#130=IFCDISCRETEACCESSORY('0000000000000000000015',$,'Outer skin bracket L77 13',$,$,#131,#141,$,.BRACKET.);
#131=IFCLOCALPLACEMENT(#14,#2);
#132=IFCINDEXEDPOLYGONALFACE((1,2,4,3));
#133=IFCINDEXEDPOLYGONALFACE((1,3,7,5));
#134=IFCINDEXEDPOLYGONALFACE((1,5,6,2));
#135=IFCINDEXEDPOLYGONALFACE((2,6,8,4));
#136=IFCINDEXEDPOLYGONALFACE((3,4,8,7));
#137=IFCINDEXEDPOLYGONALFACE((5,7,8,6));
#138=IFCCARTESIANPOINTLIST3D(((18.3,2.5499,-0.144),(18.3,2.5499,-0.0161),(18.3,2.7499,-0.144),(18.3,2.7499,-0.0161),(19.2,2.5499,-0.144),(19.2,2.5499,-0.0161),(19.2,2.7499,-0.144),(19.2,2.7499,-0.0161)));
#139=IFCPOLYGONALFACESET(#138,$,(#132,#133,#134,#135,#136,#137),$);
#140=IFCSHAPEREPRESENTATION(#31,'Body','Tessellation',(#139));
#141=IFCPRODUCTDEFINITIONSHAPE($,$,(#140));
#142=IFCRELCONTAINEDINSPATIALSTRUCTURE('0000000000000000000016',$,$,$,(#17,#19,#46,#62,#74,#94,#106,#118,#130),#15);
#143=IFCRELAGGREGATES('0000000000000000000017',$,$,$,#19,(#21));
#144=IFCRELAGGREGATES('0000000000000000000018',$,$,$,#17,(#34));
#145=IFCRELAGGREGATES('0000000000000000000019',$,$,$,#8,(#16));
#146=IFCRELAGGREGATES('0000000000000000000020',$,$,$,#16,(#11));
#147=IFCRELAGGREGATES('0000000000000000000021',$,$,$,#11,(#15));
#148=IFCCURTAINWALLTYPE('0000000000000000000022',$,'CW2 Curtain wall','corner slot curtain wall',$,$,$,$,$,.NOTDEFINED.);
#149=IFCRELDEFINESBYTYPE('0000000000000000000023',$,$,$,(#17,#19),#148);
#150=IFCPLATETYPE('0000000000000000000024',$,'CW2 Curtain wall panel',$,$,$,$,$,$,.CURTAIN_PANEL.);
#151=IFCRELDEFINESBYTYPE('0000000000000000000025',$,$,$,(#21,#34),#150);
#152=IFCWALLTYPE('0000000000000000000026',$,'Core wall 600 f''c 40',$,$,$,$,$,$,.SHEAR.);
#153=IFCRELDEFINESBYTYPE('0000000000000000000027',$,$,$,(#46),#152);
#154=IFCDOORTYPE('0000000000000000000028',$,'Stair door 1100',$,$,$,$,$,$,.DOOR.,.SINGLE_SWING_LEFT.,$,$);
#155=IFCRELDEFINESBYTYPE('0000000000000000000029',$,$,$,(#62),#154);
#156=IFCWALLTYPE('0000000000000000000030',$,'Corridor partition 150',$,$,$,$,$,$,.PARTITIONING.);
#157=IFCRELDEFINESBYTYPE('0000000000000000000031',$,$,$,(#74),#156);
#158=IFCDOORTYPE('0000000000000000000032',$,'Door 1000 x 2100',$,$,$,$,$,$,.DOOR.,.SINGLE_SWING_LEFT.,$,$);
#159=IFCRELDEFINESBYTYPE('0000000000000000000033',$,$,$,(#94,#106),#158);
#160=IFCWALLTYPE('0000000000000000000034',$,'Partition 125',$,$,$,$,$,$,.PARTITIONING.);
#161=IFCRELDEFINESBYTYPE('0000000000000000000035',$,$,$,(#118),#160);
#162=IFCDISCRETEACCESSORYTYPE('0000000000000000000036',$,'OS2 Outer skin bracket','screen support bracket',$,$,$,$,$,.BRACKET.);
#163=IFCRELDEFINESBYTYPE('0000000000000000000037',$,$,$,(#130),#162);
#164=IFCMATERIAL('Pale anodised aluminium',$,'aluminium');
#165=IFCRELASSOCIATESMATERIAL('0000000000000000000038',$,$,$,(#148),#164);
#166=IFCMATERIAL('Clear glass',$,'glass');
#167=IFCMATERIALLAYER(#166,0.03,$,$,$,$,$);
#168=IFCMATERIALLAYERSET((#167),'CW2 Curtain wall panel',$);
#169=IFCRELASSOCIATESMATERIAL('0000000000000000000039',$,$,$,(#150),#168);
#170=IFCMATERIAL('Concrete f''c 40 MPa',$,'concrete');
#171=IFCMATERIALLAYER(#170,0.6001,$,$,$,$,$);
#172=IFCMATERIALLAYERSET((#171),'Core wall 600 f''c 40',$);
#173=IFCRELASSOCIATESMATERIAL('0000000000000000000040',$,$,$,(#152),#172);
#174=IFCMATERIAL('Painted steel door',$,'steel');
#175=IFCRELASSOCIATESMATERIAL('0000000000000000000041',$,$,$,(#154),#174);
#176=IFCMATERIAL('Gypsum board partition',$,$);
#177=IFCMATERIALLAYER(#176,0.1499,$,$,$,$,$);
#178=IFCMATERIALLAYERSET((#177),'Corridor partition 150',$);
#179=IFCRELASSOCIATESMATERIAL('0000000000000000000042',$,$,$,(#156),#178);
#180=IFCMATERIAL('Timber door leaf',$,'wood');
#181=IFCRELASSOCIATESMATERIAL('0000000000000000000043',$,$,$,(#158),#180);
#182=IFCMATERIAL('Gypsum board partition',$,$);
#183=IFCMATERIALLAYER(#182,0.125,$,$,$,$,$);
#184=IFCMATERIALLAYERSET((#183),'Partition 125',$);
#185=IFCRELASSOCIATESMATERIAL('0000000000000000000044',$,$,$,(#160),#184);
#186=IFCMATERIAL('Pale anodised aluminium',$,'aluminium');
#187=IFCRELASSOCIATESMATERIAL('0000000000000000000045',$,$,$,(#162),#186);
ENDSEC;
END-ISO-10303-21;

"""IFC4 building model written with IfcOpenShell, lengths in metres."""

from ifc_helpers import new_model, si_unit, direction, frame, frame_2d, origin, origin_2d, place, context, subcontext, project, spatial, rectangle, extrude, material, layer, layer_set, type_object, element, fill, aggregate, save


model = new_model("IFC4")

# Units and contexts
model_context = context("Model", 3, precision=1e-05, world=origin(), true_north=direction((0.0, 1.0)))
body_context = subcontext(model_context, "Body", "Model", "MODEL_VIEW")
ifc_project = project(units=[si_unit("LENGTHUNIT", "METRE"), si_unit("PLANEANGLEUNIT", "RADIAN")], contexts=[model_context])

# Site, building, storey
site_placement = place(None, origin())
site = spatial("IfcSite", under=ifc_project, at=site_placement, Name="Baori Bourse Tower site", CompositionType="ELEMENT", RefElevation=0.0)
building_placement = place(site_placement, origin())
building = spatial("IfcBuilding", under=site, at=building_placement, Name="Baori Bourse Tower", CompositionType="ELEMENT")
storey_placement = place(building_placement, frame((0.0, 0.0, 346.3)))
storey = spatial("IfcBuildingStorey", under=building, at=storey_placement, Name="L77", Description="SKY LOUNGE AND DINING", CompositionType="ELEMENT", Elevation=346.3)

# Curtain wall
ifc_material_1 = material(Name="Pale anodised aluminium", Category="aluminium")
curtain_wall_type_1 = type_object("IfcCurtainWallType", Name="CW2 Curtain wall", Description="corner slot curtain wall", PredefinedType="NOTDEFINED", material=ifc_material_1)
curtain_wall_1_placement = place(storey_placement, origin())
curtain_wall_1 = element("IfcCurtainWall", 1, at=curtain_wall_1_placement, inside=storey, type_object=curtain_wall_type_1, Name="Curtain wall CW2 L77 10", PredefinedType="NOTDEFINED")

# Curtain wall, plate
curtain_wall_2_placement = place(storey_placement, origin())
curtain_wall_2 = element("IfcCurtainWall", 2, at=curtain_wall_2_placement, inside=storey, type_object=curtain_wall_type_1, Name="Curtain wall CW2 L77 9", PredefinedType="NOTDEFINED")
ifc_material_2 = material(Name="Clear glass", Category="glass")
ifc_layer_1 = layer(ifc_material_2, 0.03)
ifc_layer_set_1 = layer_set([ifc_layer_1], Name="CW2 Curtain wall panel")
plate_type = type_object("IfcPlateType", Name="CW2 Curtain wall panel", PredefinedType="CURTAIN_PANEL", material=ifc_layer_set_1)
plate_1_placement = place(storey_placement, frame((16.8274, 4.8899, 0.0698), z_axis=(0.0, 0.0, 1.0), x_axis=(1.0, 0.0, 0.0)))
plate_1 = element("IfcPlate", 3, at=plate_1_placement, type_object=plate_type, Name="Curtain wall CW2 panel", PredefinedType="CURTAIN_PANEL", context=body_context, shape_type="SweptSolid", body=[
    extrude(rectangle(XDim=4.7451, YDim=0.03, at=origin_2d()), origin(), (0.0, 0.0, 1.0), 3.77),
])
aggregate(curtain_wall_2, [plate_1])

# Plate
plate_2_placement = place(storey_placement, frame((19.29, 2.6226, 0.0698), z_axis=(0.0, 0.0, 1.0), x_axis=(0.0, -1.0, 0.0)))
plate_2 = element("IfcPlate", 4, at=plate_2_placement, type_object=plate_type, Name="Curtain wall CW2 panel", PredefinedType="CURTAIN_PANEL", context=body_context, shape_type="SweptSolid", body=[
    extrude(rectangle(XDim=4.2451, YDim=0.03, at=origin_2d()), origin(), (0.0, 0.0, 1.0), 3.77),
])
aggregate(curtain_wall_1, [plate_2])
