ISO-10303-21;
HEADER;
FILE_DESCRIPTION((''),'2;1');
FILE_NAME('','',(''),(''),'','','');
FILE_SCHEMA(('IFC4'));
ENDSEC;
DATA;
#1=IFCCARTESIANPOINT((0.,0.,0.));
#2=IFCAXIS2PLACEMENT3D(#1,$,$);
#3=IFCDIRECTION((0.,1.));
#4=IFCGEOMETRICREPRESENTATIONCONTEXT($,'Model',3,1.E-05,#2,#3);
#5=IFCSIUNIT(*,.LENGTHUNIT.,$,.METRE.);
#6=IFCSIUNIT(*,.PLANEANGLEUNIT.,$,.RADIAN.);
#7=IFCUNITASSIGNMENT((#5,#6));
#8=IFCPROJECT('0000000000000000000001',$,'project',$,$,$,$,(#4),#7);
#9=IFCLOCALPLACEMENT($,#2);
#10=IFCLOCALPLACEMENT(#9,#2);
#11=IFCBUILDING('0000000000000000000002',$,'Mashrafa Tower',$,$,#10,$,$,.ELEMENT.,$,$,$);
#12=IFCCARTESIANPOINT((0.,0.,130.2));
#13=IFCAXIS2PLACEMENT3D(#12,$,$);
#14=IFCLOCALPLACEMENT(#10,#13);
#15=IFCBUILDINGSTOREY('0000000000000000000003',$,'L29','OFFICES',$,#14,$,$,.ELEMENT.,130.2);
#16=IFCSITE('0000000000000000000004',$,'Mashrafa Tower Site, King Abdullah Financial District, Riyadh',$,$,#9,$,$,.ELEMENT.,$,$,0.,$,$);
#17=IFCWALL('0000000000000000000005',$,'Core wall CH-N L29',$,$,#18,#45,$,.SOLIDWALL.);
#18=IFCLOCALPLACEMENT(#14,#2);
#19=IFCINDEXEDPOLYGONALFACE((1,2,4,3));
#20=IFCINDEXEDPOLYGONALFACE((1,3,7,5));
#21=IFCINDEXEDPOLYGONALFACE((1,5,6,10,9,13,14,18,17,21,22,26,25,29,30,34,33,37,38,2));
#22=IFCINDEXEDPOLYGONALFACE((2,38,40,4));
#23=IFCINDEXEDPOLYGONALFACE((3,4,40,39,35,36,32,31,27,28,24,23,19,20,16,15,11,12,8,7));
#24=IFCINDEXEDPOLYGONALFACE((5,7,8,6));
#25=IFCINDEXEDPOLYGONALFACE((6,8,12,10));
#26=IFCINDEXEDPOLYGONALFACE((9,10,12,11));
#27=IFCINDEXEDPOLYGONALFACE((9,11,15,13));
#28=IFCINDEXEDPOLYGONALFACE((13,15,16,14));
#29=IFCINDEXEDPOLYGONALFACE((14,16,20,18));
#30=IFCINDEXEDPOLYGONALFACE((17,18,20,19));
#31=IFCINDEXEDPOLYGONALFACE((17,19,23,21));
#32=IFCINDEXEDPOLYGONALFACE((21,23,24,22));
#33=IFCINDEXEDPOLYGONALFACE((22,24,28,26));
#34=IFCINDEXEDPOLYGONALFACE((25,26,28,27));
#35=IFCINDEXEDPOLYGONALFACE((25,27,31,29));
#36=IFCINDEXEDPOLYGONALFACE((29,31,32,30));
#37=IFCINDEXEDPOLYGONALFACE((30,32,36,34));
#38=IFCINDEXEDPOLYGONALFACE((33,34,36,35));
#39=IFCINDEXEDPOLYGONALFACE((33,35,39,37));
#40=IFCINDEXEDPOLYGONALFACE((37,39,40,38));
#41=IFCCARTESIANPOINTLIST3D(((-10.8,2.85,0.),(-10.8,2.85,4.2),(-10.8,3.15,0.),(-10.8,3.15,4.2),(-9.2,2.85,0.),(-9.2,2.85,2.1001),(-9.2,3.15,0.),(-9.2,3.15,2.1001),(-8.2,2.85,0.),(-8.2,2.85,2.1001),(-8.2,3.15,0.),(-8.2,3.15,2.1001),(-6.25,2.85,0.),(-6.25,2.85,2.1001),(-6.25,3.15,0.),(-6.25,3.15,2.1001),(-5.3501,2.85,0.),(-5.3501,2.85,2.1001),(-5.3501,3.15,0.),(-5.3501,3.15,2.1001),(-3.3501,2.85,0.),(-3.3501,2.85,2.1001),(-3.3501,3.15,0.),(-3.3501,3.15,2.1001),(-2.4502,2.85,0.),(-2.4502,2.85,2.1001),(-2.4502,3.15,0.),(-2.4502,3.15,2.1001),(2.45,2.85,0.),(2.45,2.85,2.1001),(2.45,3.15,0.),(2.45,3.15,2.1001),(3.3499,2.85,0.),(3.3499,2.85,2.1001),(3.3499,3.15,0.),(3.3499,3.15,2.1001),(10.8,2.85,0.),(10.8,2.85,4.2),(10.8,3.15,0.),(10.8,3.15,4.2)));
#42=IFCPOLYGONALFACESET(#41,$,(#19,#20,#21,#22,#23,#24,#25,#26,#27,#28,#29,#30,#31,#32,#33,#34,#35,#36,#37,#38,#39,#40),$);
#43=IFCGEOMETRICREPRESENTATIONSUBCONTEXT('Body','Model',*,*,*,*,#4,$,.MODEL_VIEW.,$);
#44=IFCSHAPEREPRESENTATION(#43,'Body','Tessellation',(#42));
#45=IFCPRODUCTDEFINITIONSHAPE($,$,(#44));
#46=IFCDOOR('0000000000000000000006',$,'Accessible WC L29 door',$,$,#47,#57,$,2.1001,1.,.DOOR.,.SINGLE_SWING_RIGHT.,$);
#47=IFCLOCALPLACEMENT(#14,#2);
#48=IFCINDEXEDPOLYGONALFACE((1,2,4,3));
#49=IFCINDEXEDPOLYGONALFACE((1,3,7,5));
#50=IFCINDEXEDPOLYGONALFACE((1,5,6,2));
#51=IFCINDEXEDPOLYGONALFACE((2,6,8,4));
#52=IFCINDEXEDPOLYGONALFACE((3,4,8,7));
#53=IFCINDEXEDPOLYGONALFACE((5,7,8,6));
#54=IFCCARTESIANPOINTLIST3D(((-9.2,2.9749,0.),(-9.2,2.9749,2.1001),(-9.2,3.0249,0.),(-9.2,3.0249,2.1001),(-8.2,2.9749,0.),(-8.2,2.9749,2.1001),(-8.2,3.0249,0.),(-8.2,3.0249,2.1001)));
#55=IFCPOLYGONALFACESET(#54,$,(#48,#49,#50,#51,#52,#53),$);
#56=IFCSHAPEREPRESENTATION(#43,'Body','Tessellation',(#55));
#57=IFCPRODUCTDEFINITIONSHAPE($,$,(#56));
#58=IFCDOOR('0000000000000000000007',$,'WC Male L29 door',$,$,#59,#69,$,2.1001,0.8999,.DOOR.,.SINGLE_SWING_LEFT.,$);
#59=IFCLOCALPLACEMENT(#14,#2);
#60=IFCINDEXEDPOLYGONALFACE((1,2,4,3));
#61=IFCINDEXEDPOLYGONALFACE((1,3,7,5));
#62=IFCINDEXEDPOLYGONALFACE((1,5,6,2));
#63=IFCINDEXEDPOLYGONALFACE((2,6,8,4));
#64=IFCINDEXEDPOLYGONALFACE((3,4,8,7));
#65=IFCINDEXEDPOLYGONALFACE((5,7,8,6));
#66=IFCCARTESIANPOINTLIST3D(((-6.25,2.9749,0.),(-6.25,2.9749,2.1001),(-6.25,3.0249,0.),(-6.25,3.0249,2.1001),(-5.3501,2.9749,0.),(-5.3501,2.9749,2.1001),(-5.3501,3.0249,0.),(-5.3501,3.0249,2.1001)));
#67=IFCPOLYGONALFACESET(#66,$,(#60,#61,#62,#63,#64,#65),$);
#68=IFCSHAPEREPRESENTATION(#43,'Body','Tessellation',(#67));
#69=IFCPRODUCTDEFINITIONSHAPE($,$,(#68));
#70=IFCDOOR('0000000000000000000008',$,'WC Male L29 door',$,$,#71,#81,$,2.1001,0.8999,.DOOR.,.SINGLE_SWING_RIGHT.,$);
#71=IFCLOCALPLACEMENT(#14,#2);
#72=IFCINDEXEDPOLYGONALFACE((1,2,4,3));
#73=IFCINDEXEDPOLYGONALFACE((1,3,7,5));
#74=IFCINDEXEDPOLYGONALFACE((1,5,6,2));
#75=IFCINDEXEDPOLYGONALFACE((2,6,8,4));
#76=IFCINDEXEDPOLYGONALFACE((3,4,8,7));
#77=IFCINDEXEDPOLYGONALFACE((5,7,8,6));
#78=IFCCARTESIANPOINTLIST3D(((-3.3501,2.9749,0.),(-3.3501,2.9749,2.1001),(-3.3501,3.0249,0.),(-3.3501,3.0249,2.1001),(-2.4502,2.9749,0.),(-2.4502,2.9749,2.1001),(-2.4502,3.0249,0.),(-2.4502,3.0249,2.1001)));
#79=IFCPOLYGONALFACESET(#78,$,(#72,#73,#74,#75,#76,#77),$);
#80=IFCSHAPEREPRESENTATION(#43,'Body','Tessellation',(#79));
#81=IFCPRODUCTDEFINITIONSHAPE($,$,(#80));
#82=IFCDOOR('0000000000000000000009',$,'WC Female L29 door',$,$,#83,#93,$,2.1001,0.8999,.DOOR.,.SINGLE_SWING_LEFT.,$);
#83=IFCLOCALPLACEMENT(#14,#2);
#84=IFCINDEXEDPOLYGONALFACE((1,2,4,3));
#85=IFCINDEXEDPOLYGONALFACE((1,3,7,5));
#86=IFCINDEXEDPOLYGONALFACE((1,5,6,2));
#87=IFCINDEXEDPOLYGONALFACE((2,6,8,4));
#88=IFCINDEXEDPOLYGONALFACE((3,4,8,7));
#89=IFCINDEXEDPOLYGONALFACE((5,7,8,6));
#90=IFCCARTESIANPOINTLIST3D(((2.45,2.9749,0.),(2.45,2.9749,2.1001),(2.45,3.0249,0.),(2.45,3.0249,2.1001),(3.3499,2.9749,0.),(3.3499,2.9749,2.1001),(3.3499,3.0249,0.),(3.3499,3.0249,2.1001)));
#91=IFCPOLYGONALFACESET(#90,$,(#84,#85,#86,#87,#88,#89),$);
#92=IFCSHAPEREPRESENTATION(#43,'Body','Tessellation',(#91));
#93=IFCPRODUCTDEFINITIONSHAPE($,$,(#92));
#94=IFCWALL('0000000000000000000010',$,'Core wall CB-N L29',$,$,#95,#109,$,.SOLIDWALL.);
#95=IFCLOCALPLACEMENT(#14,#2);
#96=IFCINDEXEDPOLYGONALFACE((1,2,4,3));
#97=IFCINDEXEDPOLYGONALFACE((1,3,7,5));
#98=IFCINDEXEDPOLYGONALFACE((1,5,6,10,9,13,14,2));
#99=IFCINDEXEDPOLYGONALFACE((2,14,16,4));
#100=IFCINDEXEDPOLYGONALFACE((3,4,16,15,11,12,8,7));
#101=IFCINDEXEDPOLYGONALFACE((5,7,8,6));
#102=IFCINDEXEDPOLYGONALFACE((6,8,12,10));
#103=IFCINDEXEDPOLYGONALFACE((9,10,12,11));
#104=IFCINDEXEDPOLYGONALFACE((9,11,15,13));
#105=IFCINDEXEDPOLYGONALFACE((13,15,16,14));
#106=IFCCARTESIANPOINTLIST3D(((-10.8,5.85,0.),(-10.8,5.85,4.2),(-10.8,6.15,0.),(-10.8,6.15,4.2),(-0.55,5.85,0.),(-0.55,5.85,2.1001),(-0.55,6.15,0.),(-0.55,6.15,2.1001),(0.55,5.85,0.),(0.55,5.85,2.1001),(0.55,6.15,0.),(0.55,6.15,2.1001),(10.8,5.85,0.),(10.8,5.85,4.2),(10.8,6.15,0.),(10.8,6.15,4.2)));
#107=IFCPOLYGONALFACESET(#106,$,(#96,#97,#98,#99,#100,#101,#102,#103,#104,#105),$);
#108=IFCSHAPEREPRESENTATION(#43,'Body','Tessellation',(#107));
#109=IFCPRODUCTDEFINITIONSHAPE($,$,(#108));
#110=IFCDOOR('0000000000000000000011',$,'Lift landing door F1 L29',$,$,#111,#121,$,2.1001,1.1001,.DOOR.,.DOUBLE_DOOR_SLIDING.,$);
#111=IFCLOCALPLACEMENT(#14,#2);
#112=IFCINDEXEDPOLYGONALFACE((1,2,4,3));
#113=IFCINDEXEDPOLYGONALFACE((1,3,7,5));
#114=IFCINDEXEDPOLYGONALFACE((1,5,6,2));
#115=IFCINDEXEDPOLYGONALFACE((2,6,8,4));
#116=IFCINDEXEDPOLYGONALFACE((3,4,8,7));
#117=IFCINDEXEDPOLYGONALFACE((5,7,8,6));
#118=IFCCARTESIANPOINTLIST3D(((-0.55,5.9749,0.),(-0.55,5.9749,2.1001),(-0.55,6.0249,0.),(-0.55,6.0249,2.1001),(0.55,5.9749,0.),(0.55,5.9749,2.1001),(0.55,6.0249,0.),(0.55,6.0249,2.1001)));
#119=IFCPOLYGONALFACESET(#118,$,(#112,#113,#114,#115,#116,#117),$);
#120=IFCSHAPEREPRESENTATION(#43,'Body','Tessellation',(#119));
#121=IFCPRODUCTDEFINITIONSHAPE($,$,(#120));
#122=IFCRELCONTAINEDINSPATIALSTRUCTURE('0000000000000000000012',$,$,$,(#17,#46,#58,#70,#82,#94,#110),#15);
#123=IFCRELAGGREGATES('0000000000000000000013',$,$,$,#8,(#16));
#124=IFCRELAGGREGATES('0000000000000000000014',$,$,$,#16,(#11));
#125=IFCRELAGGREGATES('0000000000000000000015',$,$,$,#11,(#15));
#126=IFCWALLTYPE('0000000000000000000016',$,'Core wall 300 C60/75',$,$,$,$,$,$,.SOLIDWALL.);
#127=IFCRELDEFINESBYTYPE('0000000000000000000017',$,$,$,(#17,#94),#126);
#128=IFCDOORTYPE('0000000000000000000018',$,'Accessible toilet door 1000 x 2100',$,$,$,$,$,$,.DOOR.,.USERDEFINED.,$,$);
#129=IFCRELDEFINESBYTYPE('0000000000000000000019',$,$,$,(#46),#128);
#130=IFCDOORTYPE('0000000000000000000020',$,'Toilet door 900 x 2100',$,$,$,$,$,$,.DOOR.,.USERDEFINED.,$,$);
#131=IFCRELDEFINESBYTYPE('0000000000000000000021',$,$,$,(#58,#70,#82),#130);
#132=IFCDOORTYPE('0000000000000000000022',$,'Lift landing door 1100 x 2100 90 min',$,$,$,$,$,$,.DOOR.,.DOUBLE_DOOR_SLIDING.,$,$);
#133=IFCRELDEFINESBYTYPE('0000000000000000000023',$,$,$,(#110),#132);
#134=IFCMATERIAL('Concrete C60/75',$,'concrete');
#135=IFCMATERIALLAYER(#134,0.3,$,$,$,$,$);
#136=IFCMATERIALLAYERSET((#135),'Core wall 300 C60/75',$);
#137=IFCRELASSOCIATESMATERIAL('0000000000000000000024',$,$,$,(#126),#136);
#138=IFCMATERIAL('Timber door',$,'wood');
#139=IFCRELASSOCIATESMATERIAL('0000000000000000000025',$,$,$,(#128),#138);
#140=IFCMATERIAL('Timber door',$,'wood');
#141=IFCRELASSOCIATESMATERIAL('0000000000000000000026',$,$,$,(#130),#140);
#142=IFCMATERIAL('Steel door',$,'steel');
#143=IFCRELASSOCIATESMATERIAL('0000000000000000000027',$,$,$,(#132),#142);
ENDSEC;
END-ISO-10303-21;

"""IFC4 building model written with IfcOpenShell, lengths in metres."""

from ifc_helpers import new_model, si_unit, direction, frame, frame_2d, origin, place, context, subcontext, project, spatial, rectangle, extrude, material, layer, layer_set, type_object, element, fill, save


model = new_model("IFC4")

# Units and contexts
model_context = context("Model", 3, precision=1e-05, world=origin(), true_north=direction((0.0, 1.0)))
body_context = subcontext(model_context, "Body", "Model", "MODEL_VIEW")
ifc_project = project(units=[si_unit("LENGTHUNIT", "METRE"), si_unit("PLANEANGLEUNIT", "RADIAN")], contexts=[model_context])

# Site, building, storey
site_placement = place(None, origin())
site = spatial("IfcSite", under=ifc_project, at=site_placement, Name="Mashrafa Tower Site, King Abdullah Financial District, Riyadh", CompositionType="ELEMENT", RefElevation=0.0)
building_placement = place(site_placement, origin())
building = spatial("IfcBuilding", under=site, at=building_placement, Name="Mashrafa Tower", CompositionType="ELEMENT")
storey_placement = place(building_placement, frame((0.0, 0.0, 130.2)))
storey = spatial("IfcBuildingStorey", under=building, at=storey_placement, Name="L29", Description="OFFICES", CompositionType="ELEMENT", Elevation=130.2)

# Wall, openings, doors
ifc_material_1 = material(Name="Concrete C60/75", Category="concrete")
ifc_layer_1 = layer(ifc_material_1, 0.3)
ifc_layer_set_1 = layer_set([ifc_layer_1], Name="Core wall 300 C60/75")
wall_type_1 = type_object("IfcWallType", Name="Core wall 300 C60/75", PredefinedType="SOLIDWALL", material=ifc_layer_set_1)
wall_1_placement = place(storey_placement, frame((-10.8, 3.0, 0.0), z_axis=(0.0, 0.0, 1.0), x_axis=(1.0, 0.0, 0.0)))
wall_1 = element("IfcWall", 1, at=wall_1_placement, inside=storey, type_object=wall_type_1, Name="Core wall CH-N L29", PredefinedType="SOLIDWALL", context=body_context, shape_type="SweptSolid", body=[
    extrude(rectangle(XDim=21.6001, YDim=0.3, at=frame_2d((10.8, 0.0))), origin(), (0.0, 0.0, 1.0), 4.2),
])
opening_1_placement = place(wall_1_placement, frame((1.6001, 0.0, 0.0)))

● ● ● ●

**WORK REQUEST:**
The expected output is exactly the lines of the listing above between the line holding "#62=IFCINDEXEDPOLYGONALFACE((1,5,6,2));" and the line holding "#81=IFCPRODUCTDEFINITIONSHAPE($,$,(#80));", inclusive.

**EXPECTED ANSWER:**
#62=IFCINDEXEDPOLYGONALFACE((1,5,6,2));
#63=IFCINDEXEDPOLYGONALFACE((2,6,8,4));
#64=IFCINDEXEDPOLYGONALFACE((3,4,8,7));
#65=IFCINDEXEDPOLYGONALFACE((5,7,8,6));
#66=IFCCARTESIANPOINTLIST3D(((-6.25,2.9749,0.),(-6.25,2.9749,2.1001),(-6.25,3.0249,0.),(-6.25,3.0249,2.1001),(-5.3501,2.9749,0.),(-5.3501,2.9749,2.1001),(-5.3501,3.0249,0.),(-5.3501,3.0249,2.1001)));
#67=IFCPOLYGONALFACESET(#66,$,(#60,#61,#62,#63,#64,#65),$);
#68=IFCSHAPEREPRESENTATION(#43,'Body','Tessellation',(#67));
#69=IFCPRODUCTDEFINITIONSHAPE($,$,(#68));
#70=IFCDOOR('0000000000000000000008',$,'WC Male L29 door',$,$,#71,#81,$,2.1001,0.8999,.DOOR.,.SINGLE_SWING_RIGHT.,$);
#71=IFCLOCALPLACEMENT(#14,#2);
#72=IFCINDEXEDPOLYGONALFACE((1,2,4,3));
#73=IFCINDEXEDPOLYGONALFACE((1,3,7,5));
#74=IFCINDEXEDPOLYGONALFACE((1,5,6,2));
#75=IFCINDEXEDPOLYGONALFACE((2,6,8,4));
#76=IFCINDEXEDPOLYGONALFACE((3,4,8,7));
#77=IFCINDEXEDPOLYGONALFACE((5,7,8,6));
#78=IFCCARTESIANPOINTLIST3D(((-3.3501,2.9749,0.),(-3.3501,2.9749,2.1001),(-3.3501,3.0249,0.),(-3.3501,3.0249,2.1001),(-2.4502,2.9749,0.),(-2.4502,2.9749,2.1001),(-2.4502,3.0249,0.),(-2.4502,3.0249,2.1001)));
#79=IFCPOLYGONALFACESET(#78,$,(#72,#73,#74,#75,#76,#77),$);
#80=IFCSHAPEREPRESENTATION(#43,'Body','Tessellation',(#79));
#81=IFCPRODUCTDEFINITIONSHAPE($,$,(#80));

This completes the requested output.